Stored records:
----

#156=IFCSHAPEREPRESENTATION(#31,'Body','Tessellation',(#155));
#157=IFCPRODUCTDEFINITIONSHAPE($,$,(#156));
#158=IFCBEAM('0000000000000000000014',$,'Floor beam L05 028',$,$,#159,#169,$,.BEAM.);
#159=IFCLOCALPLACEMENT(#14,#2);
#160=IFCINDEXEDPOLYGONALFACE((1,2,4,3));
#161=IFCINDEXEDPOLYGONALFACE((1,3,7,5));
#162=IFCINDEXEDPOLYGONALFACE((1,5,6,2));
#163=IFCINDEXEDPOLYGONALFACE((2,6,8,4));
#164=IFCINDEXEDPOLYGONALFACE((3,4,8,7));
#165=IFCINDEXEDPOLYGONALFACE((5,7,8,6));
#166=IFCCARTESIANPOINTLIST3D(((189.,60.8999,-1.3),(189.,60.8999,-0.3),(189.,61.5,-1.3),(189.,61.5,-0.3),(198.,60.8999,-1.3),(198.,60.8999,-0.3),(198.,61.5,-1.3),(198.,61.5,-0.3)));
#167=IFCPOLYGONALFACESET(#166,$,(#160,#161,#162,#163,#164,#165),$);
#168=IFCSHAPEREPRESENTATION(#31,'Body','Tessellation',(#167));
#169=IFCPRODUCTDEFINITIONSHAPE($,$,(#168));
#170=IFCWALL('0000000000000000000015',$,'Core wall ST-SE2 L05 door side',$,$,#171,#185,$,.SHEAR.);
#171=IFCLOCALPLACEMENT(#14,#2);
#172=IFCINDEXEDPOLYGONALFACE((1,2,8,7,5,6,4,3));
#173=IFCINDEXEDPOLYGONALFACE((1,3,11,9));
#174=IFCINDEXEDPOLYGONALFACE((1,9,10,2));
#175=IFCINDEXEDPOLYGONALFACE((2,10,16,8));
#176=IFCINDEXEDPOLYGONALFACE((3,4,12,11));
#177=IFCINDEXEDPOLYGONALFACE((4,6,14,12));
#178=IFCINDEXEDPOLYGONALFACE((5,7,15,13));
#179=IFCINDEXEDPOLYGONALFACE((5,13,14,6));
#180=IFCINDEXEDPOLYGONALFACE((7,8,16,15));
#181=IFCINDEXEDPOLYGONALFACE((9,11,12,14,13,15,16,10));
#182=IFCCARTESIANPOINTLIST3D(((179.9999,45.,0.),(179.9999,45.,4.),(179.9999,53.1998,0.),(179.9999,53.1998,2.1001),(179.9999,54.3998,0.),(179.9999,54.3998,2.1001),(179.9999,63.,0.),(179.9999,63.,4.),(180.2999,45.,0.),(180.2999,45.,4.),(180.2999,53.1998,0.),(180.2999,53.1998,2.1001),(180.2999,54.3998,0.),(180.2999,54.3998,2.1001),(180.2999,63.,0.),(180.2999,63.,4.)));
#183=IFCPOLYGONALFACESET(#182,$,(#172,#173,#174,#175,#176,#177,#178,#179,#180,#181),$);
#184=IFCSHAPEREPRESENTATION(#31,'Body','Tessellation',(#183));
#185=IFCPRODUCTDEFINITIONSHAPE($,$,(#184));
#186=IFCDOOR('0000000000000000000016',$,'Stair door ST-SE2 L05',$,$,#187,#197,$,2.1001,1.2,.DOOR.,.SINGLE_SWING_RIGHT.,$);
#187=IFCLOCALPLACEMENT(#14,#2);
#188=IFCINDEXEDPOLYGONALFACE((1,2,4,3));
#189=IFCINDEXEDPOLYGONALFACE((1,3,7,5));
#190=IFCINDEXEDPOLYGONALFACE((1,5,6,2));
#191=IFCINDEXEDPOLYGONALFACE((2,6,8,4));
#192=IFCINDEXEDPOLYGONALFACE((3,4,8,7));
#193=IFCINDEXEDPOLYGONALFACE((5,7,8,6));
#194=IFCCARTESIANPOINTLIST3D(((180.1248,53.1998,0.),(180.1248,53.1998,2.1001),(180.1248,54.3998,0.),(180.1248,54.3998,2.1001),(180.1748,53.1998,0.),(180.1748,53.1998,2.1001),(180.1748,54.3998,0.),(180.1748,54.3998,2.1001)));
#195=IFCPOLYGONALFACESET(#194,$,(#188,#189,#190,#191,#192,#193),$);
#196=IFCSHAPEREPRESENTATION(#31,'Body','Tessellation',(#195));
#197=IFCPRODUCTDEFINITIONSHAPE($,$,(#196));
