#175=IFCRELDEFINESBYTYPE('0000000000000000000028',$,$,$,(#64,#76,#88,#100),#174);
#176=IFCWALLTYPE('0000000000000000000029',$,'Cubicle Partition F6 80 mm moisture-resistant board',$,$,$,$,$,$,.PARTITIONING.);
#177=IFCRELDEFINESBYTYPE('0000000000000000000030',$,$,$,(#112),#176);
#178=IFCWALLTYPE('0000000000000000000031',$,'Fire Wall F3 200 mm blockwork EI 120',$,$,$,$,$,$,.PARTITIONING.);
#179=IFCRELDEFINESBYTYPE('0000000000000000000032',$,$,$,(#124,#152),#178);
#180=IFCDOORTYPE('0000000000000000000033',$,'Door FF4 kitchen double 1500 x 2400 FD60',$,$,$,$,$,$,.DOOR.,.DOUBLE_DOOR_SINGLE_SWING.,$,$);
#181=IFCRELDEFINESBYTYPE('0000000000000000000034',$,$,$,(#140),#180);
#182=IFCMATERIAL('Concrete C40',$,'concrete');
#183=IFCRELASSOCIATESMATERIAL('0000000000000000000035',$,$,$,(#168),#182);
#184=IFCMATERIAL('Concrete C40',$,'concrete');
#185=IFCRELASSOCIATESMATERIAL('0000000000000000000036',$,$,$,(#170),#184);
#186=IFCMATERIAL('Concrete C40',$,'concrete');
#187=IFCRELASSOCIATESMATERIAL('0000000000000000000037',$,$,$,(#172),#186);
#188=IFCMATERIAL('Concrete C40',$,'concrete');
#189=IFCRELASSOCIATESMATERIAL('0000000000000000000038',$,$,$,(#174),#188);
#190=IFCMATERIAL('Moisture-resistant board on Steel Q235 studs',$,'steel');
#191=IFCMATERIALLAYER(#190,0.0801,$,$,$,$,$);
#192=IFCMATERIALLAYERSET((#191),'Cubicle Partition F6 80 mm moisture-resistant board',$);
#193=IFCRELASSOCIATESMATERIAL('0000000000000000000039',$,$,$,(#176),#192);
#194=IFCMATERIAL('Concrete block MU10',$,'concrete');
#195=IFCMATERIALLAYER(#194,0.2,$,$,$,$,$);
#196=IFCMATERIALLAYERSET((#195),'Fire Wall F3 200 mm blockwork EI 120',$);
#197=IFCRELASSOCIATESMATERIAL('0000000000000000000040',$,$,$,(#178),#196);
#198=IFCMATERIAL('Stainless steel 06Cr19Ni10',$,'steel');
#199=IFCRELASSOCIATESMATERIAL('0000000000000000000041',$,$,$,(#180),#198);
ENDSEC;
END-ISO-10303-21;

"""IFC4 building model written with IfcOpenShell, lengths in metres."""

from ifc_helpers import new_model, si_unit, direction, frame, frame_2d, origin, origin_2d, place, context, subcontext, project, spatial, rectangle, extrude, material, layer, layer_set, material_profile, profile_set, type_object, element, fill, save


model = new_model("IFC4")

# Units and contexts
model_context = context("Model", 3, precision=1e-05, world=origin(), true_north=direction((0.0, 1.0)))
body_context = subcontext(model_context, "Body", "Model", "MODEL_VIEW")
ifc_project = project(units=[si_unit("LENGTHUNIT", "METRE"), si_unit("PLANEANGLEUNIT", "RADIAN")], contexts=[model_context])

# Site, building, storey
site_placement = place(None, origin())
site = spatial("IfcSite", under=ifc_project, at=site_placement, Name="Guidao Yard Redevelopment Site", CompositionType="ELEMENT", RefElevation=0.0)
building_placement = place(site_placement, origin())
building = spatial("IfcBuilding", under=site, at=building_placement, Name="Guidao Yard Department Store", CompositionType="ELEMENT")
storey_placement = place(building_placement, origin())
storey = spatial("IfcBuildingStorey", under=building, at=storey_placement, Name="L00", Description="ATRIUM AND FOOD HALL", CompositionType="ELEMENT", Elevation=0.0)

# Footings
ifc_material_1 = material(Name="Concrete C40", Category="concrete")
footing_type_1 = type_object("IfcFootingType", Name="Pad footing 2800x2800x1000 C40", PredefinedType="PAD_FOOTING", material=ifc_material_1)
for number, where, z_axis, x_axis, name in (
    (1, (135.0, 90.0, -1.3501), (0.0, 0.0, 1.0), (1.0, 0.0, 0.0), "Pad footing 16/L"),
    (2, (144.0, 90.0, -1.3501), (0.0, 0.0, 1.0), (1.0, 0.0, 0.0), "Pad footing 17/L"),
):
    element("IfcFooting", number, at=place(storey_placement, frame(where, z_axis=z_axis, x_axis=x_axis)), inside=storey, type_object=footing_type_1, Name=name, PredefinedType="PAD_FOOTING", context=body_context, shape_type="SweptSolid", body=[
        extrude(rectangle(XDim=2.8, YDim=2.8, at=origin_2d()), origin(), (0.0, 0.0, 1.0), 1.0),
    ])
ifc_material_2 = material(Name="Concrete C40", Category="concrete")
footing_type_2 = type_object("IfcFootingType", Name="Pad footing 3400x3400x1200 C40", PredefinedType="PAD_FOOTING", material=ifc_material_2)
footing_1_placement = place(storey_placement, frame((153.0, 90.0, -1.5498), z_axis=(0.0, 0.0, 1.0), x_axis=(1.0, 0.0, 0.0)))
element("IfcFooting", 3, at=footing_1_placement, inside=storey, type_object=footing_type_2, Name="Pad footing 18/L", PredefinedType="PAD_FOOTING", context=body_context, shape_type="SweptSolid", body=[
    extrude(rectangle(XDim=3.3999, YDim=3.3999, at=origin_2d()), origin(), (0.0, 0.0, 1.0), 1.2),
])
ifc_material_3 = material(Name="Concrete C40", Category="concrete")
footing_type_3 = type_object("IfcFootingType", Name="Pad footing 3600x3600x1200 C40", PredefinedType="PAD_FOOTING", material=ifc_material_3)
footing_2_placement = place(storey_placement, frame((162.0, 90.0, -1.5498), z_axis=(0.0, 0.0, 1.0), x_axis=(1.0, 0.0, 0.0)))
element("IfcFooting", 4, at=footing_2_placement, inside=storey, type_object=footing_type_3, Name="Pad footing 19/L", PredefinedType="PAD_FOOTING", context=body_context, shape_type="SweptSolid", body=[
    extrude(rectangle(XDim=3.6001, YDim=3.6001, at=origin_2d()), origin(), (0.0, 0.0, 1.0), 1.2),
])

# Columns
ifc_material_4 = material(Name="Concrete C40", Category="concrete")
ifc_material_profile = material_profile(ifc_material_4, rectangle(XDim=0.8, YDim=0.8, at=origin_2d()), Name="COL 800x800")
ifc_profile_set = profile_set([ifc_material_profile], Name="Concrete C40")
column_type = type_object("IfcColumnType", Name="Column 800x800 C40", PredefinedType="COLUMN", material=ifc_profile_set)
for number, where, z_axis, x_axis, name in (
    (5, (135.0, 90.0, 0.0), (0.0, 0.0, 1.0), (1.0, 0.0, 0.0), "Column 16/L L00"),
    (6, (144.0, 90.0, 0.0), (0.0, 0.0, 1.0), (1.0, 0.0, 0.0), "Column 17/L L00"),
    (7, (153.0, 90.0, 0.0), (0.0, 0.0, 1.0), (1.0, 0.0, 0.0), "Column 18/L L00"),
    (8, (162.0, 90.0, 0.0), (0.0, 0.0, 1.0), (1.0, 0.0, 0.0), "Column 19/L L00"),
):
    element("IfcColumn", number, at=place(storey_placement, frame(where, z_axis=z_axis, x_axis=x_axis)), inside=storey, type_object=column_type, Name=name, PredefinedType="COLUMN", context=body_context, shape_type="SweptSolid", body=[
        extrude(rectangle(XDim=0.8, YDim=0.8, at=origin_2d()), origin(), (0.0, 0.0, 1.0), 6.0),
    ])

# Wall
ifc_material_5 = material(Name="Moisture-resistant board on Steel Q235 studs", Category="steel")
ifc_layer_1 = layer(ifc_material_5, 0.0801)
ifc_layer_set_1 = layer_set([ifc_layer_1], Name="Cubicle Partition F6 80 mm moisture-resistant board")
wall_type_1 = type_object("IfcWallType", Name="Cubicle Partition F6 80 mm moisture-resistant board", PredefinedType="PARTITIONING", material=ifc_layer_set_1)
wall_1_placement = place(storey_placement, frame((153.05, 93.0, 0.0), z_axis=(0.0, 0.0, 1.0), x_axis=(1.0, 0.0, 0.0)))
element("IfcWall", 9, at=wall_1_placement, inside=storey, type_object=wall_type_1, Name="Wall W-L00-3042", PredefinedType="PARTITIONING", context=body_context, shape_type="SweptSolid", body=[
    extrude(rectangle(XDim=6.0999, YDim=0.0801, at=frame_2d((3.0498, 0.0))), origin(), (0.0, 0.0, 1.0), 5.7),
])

----

What the task asks =
Go through the entries above and copy each line holding the string "IFCPOLYGONALFACESET".

Expected output =
#167=IFCPOLYGONALFACESET(#166,$,(#160,#161,#162,#163,#164,#165),$);
#183=IFCPOLYGONALFACESET(#182,$,(#172,#173,#174,#175,#176,#177,#178,#179,#180,#181),$);
#195=IFCPOLYGONALFACESET(#194,$,(#188,#189,#190,#191,#192,#193),$);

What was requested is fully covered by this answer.